--- Information given Enclosed Below ---
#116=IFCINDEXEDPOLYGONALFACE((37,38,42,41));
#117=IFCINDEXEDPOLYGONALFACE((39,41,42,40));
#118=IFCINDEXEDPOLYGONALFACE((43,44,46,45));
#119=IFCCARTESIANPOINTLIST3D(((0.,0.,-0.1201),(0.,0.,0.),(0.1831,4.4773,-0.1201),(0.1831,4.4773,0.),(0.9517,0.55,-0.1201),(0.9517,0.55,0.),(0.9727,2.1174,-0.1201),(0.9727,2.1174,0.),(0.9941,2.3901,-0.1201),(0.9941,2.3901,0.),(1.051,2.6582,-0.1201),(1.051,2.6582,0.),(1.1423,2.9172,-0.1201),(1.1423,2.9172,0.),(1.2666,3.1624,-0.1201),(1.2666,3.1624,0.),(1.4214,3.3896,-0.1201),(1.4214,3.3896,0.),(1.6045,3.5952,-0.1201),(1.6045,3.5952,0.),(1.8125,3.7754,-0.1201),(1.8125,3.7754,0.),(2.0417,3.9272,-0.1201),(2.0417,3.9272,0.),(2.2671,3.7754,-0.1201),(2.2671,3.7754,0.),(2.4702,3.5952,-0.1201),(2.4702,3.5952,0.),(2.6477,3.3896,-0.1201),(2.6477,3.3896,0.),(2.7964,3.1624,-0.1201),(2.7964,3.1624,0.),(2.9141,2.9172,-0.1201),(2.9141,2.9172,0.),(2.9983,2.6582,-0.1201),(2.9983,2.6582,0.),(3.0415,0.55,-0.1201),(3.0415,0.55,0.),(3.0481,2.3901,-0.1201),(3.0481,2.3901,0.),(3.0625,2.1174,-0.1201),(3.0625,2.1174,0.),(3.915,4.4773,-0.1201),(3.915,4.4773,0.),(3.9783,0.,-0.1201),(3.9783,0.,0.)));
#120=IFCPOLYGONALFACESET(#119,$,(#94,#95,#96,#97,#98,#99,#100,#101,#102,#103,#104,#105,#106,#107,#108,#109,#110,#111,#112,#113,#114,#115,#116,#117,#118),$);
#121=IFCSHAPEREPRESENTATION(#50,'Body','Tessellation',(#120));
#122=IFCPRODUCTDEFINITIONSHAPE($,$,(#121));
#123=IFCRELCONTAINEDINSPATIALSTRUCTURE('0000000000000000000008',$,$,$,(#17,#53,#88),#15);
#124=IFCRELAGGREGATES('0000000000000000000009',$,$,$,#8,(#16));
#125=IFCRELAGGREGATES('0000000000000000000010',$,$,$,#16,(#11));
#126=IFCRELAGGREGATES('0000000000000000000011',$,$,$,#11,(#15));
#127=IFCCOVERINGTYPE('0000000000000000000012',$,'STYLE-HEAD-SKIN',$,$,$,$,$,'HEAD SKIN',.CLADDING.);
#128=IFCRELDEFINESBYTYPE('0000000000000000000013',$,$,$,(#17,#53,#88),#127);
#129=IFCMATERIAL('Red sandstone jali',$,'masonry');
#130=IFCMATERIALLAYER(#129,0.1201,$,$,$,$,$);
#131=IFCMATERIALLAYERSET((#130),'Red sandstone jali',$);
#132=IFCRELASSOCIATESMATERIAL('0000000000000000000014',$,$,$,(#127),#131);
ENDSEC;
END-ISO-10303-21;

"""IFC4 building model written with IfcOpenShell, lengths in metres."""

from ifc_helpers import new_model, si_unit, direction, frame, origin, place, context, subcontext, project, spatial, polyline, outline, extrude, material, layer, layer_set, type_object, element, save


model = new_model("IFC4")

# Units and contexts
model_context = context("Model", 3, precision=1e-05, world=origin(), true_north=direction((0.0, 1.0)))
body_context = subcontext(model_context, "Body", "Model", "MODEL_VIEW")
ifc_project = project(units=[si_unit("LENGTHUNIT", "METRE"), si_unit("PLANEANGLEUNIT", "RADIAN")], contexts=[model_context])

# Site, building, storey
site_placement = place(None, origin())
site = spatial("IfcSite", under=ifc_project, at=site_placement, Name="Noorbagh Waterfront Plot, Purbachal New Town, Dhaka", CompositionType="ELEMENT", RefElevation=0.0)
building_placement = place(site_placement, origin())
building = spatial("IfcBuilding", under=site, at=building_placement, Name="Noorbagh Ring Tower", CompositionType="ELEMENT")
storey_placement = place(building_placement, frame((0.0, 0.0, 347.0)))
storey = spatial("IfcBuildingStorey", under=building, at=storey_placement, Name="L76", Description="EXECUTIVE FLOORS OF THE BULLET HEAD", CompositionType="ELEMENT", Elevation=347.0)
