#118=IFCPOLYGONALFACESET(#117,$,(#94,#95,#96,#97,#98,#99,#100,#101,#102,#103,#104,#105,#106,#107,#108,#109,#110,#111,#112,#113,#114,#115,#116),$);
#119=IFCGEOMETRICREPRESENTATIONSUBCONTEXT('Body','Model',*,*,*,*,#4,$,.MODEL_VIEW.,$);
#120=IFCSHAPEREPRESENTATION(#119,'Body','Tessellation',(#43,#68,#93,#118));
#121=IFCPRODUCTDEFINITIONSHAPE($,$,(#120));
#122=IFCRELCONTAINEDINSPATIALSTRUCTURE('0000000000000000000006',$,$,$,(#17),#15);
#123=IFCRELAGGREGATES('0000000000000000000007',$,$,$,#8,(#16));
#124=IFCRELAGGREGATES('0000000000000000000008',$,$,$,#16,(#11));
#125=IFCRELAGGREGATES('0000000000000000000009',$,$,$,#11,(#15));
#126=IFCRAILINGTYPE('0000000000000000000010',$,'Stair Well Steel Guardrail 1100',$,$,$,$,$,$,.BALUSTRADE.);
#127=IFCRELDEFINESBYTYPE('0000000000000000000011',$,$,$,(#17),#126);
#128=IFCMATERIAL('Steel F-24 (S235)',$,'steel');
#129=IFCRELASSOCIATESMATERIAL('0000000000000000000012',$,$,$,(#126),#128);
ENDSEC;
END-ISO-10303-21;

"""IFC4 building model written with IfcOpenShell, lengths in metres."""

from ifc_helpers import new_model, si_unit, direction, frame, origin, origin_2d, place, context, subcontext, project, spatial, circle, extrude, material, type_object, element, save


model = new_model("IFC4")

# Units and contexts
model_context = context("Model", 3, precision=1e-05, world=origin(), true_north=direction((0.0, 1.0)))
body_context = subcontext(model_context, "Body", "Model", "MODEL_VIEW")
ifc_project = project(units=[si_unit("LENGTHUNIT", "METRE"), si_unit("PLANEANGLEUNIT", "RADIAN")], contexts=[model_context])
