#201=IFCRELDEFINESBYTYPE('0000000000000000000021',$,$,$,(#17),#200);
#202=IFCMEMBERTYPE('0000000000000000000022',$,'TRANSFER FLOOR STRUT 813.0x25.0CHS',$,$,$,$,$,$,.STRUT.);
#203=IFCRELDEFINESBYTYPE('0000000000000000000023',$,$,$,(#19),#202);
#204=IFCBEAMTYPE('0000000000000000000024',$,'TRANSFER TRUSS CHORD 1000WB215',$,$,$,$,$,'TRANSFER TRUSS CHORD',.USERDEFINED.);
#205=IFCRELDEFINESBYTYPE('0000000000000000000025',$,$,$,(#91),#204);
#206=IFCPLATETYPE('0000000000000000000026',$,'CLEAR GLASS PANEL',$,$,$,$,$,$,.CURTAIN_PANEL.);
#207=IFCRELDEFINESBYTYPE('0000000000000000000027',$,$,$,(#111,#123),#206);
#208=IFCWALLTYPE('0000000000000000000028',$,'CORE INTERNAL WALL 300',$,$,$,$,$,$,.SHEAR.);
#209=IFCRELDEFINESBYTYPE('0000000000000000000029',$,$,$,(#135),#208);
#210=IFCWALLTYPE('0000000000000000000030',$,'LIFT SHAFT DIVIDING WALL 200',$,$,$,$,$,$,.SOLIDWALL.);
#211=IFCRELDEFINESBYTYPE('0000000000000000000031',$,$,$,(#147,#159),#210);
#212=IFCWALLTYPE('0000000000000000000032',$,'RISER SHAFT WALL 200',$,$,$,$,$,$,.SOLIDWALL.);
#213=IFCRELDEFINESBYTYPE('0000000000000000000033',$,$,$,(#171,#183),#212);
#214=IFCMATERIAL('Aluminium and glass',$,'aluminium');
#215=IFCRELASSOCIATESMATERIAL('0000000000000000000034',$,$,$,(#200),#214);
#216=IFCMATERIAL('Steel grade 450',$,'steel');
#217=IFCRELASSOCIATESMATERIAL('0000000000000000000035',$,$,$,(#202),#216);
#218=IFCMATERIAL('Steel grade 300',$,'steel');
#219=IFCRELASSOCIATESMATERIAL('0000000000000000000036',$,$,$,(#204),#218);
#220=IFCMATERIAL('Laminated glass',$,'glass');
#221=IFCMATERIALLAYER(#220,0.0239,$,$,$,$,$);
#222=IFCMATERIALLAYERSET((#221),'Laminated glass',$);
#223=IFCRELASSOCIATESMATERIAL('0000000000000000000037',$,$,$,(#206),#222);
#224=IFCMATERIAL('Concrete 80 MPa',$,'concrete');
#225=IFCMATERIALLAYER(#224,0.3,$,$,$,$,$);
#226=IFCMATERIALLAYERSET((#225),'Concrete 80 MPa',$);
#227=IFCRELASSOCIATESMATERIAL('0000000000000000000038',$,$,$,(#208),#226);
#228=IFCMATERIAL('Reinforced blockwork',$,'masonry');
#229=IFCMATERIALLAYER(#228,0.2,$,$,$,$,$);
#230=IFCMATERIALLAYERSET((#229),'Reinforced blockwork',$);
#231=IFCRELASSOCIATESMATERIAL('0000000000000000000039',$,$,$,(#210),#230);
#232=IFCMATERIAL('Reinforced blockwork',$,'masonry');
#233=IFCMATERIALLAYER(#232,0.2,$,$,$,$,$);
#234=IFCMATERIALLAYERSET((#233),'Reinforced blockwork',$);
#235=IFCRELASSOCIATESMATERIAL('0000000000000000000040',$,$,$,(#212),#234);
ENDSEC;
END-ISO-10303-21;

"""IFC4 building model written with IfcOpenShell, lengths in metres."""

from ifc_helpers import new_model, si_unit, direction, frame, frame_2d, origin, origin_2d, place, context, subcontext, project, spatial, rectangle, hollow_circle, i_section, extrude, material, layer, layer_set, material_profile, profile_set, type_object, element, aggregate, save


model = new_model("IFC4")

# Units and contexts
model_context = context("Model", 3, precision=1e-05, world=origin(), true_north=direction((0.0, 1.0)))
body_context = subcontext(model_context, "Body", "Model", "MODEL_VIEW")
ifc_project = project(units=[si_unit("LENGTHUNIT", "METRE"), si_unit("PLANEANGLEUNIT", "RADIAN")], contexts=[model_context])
--- End of Enclosed Information given ---
The task -
Each line of the records that holds the word "IFCSHAPEREPRESENTATION" should be copied out.

Solved exercise -
#121=IFCSHAPEREPRESENTATION(#50,'Body','Tessellation',(#120));
#120=IFCSHAPEREPRESENTATION(#119,'Body','Tessellation',(#43,#68,#93,#118));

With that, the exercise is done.